### DIRECTIONS
Your job with the data below is to output exactly the lines from the one holding "#66=IFCINDEXEDPOLYGONALFACE((1,5,6,2));" down to the one holding "#87=IFCLOCALPLACEMENT(#14,#2);", both included, and no others.
┌──
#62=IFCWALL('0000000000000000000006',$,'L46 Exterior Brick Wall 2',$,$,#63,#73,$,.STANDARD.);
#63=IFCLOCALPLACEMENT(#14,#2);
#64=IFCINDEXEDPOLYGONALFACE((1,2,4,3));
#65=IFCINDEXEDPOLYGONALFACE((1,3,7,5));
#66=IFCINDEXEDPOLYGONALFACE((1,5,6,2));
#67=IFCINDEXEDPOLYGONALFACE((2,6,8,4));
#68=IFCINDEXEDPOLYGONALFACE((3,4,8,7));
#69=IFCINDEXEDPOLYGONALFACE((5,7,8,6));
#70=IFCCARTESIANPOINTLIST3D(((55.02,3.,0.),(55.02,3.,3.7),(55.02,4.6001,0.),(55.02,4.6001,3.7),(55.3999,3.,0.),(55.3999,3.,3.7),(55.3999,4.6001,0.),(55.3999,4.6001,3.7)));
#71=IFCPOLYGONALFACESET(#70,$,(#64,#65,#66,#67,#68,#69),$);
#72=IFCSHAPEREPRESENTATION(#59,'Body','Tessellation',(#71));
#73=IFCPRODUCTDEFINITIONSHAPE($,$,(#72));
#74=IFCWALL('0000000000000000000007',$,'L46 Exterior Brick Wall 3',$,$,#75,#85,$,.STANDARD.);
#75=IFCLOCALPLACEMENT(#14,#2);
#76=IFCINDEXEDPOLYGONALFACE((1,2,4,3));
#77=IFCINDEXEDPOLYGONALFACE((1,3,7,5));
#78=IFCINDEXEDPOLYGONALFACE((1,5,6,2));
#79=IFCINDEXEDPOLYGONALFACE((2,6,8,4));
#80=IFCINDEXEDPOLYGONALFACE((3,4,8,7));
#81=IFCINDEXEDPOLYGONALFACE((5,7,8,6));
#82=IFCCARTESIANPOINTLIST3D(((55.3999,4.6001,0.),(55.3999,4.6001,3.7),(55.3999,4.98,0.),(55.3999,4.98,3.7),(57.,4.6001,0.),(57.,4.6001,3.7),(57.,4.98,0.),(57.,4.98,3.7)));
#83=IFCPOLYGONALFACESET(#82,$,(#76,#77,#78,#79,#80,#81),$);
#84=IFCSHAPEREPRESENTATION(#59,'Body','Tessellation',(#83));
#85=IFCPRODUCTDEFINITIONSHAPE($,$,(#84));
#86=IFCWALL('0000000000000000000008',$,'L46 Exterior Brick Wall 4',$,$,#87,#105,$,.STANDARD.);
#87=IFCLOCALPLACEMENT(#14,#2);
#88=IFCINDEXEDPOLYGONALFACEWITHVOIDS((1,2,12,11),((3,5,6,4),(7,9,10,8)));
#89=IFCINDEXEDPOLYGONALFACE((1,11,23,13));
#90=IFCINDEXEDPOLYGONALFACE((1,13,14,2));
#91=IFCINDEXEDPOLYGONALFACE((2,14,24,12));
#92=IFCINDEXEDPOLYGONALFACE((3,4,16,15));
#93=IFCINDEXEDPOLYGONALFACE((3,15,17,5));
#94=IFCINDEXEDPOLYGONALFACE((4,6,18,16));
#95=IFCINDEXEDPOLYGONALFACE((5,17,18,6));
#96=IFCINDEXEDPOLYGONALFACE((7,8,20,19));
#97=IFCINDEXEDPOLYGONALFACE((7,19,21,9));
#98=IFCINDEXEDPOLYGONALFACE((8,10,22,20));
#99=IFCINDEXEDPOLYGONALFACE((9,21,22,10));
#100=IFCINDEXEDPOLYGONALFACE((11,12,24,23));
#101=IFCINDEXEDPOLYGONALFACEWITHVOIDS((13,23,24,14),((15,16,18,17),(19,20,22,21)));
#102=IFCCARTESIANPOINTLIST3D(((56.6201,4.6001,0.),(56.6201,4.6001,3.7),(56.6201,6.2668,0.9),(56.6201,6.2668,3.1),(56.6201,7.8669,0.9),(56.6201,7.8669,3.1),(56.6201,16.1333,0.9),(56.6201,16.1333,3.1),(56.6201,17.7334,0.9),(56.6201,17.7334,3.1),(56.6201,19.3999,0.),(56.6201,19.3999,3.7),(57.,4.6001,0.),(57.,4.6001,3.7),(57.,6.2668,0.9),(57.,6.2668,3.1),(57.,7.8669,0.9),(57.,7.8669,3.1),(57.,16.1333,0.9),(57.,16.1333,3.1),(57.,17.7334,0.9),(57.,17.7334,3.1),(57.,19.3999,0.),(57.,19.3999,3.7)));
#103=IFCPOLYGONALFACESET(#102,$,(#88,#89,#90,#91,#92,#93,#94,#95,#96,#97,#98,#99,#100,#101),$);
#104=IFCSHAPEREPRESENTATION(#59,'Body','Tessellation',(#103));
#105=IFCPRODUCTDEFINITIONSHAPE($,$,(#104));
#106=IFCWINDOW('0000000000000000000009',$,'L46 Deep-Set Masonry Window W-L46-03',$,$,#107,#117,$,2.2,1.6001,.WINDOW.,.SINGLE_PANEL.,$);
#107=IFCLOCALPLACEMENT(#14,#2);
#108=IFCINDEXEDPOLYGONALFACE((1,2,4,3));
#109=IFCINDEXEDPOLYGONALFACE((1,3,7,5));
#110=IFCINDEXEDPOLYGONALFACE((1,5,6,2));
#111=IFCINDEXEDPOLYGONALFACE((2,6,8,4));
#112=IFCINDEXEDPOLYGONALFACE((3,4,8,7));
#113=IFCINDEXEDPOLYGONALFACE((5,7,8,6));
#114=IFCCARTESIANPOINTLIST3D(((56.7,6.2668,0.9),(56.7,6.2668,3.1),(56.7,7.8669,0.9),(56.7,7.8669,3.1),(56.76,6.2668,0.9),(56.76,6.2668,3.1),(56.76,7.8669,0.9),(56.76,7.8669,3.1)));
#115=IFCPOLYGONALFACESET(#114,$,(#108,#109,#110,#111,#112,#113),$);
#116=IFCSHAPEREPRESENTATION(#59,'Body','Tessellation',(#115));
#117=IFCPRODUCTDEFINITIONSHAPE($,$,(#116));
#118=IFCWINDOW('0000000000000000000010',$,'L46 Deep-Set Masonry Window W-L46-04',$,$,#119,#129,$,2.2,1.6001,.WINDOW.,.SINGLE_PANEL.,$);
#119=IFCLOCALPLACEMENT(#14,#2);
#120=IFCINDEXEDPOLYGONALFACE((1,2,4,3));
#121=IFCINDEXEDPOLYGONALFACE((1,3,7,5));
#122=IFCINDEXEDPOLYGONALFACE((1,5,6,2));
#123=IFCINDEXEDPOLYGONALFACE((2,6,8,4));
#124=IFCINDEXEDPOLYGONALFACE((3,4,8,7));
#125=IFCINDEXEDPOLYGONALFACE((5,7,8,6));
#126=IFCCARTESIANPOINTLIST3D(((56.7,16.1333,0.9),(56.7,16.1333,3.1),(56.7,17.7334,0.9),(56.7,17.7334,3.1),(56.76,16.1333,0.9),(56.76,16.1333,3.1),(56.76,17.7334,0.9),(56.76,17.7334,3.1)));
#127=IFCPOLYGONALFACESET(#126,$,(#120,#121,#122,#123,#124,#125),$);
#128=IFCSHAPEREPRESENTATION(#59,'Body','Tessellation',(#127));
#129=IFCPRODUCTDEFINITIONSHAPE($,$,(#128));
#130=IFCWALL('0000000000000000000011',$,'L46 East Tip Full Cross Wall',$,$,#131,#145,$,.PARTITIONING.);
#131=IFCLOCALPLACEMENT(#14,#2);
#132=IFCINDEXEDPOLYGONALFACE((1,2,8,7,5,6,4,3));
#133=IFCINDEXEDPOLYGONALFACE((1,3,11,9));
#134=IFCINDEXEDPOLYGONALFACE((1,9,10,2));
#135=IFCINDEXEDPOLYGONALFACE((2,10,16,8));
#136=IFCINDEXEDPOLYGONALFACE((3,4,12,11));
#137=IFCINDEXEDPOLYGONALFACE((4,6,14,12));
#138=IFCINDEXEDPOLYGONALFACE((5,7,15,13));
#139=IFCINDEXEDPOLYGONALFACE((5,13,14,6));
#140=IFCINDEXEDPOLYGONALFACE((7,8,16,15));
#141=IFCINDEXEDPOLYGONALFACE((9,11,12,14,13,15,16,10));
└──
### SOLUTION
#66=IFCINDEXEDPOLYGONALFACE((1,5,6,2));
#67=IFCINDEXEDPOLYGONALFACE((2,6,8,4));
#68=IFCINDEXEDPOLYGONALFACE((3,4,8,7));
#69=IFCINDEXEDPOLYGONALFACE((5,7,8,6));
#70=IFCCARTESIANPOINTLIST3D(((55.02,3.,0.),(55.02,3.,3.7),(55.02,4.6001,0.),(55.02,4.6001,3.7),(55.3999,3.,0.),(55.3999,3.,3.7),(55.3999,4.6001,0.),(55.3999,4.6001,3.7)));
#71=IFCPOLYGONALFACESET(#70,$,(#64,#65,#66,#67,#68,#69),$);
#72=IFCSHAPEREPRESENTATION(#59,'Body','Tessellation',(#71));
#73=IFCPRODUCTDEFINITIONSHAPE($,$,(#72));
#74=IFCWALL('0000000000000000000007',$,'L46 Exterior Brick Wall 3',$,$,#75,#85,$,.STANDARD.);
#75=IFCLOCALPLACEMENT(#14,#2);
#76=IFCINDEXEDPOLYGONALFACE((1,2,4,3));
#77=IFCINDEXEDPOLYGONALFACE((1,3,7,5));
#78=IFCINDEXEDPOLYGONALFACE((1,5,6,2));
#79=IFCINDEXEDPOLYGONALFACE((2,6,8,4));
#80=IFCINDEXEDPOLYGONALFACE((3,4,8,7));
#81=IFCINDEXEDPOLYGONALFACE((5,7,8,6));
#82=IFCCARTESIANPOINTLIST3D(((55.3999,4.6001,0.),(55.3999,4.6001,3.7),(55.3999,4.98,0.),(55.3999,4.98,3.7),(57.,4.6001,0.),(57.,4.6001,3.7),(57.,4.98,0.),(57.,4.98,3.7)));
#83=IFCPOLYGONALFACESET(#82,$,(#76,#77,#78,#79,#80,#81),$);
#84=IFCSHAPEREPRESENTATION(#59,'Body','Tessellation',(#83));
#85=IFCPRODUCTDEFINITIONSHAPE($,$,(#84));
#86=IFCWALL('0000000000000000000008',$,'L46 Exterior Brick Wall 4',$,$,#87,#105,$,.STANDARD.);
#87=IFCLOCALPLACEMENT(#14,#2);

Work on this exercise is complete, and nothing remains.